*** PROVIDED INFORMATION

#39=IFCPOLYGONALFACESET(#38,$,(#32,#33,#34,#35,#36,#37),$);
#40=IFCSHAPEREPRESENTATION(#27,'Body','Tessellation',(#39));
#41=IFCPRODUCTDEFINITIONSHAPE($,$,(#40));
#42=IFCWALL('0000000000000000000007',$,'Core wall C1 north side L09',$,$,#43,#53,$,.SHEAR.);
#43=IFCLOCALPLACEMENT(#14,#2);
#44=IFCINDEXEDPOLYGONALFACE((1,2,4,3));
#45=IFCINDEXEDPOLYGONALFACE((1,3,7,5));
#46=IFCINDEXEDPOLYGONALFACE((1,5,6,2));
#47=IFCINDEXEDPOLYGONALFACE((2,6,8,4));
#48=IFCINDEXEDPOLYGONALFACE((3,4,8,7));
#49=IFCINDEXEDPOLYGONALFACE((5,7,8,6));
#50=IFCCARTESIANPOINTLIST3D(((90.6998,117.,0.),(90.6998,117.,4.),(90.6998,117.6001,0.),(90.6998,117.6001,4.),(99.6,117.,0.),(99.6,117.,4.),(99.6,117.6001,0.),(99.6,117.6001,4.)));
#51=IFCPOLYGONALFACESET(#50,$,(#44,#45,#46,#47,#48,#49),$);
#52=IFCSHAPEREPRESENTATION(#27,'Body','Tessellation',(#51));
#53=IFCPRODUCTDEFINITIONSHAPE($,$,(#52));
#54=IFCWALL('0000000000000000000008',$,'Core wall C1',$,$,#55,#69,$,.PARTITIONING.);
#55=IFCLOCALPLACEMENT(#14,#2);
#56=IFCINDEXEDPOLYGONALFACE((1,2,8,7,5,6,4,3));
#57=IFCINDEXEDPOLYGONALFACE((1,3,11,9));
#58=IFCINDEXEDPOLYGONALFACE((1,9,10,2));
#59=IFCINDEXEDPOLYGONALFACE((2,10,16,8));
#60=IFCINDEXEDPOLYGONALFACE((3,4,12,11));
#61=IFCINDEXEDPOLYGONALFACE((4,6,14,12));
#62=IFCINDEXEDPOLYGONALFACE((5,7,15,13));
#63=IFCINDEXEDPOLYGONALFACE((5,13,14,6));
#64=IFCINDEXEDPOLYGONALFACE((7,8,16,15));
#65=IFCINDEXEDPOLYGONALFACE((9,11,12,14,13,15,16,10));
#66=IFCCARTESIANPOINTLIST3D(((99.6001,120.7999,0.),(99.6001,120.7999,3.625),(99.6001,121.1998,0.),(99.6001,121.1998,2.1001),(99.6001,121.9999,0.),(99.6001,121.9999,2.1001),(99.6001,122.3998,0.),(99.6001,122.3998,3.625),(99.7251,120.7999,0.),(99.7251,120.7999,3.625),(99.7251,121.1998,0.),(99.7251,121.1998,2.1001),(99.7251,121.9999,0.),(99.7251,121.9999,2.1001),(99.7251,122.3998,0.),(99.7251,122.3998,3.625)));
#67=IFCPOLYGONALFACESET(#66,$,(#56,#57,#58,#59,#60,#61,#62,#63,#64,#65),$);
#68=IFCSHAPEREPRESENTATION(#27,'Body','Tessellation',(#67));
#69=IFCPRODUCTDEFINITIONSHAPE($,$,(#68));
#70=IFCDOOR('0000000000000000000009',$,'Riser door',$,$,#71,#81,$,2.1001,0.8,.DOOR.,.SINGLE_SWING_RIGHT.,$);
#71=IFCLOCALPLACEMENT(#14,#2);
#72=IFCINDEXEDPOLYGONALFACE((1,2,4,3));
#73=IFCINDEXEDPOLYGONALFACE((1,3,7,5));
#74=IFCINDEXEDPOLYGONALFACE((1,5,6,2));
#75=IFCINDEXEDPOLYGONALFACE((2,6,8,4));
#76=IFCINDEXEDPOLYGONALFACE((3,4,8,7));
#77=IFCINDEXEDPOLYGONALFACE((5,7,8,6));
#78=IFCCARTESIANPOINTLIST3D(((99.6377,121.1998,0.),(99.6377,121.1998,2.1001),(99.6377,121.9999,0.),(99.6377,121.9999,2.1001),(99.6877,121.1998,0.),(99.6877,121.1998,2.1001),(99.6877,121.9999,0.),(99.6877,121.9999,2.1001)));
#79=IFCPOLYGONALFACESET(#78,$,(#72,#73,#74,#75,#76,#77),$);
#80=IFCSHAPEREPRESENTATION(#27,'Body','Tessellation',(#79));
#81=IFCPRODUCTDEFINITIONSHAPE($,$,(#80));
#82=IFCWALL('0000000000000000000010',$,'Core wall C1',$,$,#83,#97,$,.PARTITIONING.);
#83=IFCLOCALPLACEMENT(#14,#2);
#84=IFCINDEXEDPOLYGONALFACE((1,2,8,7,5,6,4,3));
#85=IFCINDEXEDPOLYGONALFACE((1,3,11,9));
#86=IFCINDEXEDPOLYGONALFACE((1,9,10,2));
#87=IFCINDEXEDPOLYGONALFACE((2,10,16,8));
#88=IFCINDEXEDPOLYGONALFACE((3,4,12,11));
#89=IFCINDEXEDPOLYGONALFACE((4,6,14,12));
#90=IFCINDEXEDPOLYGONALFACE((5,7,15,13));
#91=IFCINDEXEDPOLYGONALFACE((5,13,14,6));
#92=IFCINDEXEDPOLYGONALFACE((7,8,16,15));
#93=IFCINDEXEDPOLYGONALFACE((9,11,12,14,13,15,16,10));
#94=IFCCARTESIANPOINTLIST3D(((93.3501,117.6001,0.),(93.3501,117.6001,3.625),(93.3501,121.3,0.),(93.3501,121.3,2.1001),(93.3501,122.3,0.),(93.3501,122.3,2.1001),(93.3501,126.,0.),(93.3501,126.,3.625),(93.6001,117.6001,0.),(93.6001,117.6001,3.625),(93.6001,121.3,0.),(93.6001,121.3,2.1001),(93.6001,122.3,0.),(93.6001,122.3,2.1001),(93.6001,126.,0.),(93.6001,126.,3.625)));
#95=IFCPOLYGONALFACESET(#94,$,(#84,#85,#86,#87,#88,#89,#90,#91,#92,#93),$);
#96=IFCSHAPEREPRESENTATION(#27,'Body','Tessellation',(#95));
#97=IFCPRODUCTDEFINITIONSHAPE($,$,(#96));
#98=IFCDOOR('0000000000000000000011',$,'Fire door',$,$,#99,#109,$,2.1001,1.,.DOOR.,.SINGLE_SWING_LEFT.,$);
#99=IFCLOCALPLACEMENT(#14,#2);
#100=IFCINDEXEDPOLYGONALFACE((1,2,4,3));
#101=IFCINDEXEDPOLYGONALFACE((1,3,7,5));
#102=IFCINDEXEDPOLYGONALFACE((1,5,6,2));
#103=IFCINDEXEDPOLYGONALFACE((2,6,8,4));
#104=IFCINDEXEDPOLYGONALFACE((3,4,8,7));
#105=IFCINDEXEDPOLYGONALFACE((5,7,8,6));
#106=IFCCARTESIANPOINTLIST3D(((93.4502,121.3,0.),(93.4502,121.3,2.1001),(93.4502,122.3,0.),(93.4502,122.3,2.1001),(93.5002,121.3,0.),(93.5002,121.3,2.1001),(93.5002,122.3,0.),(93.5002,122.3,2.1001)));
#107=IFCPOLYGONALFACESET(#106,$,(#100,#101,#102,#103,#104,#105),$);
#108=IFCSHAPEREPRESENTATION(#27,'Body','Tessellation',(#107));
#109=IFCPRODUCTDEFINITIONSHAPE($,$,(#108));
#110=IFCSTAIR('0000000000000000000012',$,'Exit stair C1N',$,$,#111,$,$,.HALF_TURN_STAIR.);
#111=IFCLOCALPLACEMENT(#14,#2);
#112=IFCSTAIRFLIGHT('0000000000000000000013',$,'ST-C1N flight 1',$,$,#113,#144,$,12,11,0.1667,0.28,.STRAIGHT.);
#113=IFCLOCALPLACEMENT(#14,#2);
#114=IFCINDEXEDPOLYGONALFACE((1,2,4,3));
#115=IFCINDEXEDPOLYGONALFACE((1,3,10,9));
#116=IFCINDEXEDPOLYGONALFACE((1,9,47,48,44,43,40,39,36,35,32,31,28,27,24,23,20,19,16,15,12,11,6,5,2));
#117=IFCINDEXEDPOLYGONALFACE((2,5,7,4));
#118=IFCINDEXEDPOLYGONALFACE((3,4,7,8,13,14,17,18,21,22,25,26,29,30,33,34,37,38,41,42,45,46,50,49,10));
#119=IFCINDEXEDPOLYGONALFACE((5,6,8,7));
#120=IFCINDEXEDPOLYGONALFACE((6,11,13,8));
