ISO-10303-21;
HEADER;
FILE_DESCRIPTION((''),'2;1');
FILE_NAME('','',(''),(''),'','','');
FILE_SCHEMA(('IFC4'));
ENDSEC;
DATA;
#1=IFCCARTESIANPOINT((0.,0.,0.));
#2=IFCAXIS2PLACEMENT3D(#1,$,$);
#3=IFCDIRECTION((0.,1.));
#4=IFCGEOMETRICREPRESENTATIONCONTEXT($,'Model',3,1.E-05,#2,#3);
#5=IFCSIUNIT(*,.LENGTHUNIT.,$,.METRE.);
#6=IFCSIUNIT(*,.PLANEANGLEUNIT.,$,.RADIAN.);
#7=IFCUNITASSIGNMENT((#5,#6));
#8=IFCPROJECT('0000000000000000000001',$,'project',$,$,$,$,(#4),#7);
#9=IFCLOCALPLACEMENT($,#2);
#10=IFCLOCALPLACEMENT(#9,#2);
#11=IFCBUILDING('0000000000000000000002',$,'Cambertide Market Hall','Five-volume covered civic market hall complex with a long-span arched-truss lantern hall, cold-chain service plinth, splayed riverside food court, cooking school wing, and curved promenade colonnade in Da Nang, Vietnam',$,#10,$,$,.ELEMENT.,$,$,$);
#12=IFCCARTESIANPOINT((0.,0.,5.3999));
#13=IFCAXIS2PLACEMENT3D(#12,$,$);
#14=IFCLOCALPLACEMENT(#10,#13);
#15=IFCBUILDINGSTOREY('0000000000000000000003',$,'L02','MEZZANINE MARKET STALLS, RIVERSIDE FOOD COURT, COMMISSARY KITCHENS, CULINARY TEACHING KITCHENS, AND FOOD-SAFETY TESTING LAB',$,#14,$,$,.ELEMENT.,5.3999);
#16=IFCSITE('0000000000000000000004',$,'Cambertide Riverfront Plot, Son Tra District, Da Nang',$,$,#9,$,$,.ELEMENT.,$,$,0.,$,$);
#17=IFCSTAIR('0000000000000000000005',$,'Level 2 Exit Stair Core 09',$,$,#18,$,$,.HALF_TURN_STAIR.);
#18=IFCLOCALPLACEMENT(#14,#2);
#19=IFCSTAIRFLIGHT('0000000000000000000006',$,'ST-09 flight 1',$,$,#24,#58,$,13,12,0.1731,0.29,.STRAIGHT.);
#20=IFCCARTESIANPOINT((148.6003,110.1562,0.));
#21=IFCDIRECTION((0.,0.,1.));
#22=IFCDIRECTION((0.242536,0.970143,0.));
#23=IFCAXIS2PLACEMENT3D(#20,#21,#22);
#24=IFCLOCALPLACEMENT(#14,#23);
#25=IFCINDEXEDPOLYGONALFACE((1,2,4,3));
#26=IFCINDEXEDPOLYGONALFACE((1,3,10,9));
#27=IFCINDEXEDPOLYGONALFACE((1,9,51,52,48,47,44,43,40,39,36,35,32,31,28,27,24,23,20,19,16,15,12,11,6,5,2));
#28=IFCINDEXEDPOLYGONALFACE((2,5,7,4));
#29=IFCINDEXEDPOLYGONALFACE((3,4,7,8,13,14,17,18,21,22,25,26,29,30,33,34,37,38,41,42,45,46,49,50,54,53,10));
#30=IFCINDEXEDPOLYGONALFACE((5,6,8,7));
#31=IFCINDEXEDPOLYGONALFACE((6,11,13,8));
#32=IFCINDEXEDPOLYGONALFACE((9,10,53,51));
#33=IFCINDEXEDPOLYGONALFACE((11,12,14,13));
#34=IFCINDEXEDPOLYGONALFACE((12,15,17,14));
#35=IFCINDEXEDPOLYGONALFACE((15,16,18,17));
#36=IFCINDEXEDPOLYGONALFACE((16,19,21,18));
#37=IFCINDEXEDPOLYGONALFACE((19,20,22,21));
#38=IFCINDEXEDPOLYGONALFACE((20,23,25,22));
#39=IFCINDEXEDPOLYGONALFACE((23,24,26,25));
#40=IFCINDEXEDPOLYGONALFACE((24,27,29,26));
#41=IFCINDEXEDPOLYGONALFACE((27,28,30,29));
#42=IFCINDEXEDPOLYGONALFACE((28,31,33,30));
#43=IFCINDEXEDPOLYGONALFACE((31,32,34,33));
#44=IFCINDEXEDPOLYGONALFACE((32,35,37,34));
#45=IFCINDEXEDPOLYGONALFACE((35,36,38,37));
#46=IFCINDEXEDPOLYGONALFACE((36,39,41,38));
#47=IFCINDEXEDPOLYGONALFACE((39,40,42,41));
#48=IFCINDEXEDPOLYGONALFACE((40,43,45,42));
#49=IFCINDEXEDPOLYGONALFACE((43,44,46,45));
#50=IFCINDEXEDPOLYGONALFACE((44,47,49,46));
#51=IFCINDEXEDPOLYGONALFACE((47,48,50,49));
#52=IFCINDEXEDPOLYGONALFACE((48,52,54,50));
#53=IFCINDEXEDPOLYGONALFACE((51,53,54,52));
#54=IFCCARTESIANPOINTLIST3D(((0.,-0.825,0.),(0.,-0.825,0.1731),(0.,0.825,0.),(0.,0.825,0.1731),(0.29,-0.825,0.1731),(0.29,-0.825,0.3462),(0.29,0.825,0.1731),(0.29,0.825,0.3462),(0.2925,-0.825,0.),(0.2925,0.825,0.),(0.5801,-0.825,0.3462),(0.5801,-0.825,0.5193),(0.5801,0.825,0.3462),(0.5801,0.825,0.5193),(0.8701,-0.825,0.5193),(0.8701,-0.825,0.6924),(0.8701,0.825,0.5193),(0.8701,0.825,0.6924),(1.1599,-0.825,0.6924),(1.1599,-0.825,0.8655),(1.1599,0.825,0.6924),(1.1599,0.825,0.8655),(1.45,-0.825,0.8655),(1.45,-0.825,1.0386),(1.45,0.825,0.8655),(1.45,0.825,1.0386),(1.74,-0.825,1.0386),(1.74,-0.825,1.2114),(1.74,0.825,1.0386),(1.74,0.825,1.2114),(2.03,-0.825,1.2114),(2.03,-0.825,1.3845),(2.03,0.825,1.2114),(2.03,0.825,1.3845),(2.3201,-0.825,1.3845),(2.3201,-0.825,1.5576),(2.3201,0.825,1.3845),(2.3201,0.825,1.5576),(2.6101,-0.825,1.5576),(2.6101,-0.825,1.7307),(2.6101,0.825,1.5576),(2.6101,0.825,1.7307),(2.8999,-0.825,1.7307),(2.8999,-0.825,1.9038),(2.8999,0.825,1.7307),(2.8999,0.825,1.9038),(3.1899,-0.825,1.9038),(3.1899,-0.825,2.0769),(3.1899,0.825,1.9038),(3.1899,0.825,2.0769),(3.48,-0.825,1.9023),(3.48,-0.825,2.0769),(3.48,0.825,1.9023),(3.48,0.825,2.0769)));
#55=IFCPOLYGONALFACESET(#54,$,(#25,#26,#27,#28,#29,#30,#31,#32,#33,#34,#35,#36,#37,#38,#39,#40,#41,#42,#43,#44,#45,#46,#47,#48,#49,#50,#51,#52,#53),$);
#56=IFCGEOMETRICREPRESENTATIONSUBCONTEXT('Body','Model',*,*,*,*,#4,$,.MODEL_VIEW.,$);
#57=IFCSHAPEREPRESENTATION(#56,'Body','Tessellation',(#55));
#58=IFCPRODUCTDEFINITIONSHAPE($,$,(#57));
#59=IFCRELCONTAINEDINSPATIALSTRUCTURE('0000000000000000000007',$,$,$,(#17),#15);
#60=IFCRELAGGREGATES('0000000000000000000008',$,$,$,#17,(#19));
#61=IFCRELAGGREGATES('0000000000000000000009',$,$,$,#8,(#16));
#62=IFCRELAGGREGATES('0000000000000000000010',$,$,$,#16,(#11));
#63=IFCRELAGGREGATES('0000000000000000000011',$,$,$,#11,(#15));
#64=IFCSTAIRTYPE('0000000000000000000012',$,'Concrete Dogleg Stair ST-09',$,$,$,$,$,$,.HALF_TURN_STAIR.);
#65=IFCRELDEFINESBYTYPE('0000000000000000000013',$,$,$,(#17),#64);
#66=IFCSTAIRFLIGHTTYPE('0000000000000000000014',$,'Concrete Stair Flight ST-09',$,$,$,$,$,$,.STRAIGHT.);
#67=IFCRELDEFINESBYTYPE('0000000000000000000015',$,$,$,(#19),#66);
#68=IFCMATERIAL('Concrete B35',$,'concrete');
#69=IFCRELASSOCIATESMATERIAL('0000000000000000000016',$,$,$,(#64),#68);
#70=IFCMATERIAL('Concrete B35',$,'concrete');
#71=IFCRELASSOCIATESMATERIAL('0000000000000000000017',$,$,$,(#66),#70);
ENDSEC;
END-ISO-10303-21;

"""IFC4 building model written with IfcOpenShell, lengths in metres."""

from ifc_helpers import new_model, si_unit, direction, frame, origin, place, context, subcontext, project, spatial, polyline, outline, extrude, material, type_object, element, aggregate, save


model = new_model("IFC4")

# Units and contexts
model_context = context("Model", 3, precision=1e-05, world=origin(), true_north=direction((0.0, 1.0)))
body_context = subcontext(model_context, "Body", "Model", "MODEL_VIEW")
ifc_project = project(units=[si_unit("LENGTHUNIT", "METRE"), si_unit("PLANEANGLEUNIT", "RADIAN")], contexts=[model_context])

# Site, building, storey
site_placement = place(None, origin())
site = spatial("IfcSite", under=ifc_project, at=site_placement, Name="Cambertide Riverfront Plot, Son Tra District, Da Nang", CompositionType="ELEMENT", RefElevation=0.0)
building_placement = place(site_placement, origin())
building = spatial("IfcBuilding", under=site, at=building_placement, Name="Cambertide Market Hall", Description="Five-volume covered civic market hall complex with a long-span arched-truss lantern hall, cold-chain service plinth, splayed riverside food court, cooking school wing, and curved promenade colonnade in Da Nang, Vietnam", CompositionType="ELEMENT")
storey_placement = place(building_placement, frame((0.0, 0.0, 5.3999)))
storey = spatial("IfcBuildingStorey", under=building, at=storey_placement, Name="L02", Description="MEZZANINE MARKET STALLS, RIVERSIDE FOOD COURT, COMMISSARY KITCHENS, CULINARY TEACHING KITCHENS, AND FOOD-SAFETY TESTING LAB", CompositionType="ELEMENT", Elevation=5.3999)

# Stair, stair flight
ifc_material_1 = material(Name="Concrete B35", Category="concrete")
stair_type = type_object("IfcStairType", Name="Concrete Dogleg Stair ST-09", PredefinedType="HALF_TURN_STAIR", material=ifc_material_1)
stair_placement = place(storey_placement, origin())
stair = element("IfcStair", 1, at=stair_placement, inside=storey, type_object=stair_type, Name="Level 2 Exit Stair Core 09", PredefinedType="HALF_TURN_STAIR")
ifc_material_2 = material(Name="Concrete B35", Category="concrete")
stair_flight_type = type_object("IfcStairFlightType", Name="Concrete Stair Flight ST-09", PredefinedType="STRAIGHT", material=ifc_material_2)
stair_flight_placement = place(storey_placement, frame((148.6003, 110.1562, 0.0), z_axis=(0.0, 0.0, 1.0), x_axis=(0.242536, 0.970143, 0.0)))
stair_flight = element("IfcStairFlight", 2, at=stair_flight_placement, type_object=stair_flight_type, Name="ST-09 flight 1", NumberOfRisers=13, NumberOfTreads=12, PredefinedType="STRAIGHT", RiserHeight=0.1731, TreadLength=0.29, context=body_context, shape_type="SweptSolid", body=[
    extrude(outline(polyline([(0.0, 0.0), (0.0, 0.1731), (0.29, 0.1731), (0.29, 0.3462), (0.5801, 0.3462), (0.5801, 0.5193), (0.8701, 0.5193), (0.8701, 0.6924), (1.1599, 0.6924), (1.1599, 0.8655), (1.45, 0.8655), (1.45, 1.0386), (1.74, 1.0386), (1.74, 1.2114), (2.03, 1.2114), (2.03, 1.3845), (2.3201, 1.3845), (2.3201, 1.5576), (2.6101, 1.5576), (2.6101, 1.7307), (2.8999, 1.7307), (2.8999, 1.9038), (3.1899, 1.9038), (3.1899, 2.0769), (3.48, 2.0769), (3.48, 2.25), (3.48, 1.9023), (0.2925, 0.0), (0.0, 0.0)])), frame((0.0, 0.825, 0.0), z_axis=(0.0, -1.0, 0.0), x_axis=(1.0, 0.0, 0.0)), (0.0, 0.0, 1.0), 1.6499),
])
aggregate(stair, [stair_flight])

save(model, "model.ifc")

******

§ **ASSIGNED TASK**
From the listing above, output exactly the run of lines that starts with the line containing "#61=IFCRELAGGREGATES('0000000000000000000009',$,$,$,#8,(#16));" and ends with the line containing "Stair Flight ST-09',$,$,$,$,$,$,.STRAIGHT.);".

§ **FINISHED TASK**
#61=IFCRELAGGREGATES('0000000000000000000009',$,$,$,#8,(#16));
#62=IFCRELAGGREGATES('0000000000000000000010',$,$,$,#16,(#11));
#63=IFCRELAGGREGATES('0000000000000000000011',$,$,$,#11,(#15));
#64=IFCSTAIRTYPE('0000000000000000000012',$,'Concrete Dogleg Stair ST-09',$,$,$,$,$,$,.HALF_TURN_STAIR.);
#65=IFCRELDEFINESBYTYPE('0000000000000000000013',$,$,$,(#17),#64);
#66=IFCSTAIRFLIGHTTYPE('0000000000000000000014',$,'Concrete Stair Flight ST-09',$,$,$,$,$,$,.STRAIGHT.);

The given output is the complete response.